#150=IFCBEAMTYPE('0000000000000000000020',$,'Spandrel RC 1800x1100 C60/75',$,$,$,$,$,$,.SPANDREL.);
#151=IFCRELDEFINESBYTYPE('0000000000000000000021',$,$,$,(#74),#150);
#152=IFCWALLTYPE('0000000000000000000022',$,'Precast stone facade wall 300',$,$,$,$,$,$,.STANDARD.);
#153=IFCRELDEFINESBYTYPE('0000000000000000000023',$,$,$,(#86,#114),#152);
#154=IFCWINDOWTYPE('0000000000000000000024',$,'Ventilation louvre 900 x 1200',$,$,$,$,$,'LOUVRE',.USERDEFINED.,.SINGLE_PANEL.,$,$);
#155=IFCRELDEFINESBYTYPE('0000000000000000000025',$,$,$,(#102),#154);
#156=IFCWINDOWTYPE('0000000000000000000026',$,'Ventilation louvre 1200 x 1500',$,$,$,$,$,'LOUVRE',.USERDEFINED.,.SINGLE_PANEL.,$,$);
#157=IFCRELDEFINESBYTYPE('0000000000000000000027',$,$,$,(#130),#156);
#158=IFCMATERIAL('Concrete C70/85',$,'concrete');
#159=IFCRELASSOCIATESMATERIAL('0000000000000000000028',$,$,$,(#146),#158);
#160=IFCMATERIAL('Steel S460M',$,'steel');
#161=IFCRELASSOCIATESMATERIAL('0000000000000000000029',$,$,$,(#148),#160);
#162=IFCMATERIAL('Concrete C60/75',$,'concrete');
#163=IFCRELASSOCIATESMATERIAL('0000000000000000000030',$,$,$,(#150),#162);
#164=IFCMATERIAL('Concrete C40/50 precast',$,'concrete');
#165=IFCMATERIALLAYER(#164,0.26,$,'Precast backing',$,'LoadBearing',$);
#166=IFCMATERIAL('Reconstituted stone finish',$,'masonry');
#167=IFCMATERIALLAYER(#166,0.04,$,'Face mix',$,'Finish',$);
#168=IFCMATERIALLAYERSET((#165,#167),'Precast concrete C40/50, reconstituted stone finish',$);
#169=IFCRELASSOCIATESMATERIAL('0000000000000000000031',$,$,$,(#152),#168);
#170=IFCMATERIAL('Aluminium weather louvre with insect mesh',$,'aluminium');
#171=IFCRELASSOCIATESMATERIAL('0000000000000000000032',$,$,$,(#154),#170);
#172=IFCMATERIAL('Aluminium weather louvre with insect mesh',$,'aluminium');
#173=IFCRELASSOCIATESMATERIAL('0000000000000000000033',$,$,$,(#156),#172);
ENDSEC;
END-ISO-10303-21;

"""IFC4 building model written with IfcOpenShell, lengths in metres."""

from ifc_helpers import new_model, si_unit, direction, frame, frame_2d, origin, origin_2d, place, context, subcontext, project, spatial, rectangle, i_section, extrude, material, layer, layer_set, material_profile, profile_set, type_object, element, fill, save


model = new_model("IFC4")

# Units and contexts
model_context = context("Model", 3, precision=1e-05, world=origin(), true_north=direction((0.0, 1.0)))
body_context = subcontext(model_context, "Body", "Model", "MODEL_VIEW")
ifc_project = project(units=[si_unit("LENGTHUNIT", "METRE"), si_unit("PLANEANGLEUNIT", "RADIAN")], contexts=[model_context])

▶ _About this task_:
Return only the part of the records above that opens with the line containing "#158=IFCMATERIAL('Concrete C70/85',$,'concrete');" and closes with the line containing "reconstituted stone finish',$);", ends included.

▶ _Answer space_:
#158=IFCMATERIAL('Concrete C70/85',$,'concrete');
#159=IFCRELASSOCIATESMATERIAL('0000000000000000000028',$,$,$,(#146),#158);
#160=IFCMATERIAL('Steel S460M',$,'steel');
#161=IFCRELASSOCIATESMATERIAL('0000000000000000000029',$,$,$,(#148),#160);
#162=IFCMATERIAL('Concrete C60/75',$,'concrete');
#163=IFCRELASSOCIATESMATERIAL('0000000000000000000030',$,$,$,(#150),#162);
#164=IFCMATERIAL('Concrete C40/50 precast',$,'concrete');
#165=IFCMATERIALLAYER(#164,0.26,$,'Precast backing',$,'LoadBearing',$);
#166=IFCMATERIAL('Reconstituted stone finish',$,'masonry');
#167=IFCMATERIALLAYER(#166,0.04,$,'Face mix',$,'Finish',$);
#168=IFCMATERIALLAYERSET((#165,#167),'Precast concrete C40/50, reconstituted stone finish',$);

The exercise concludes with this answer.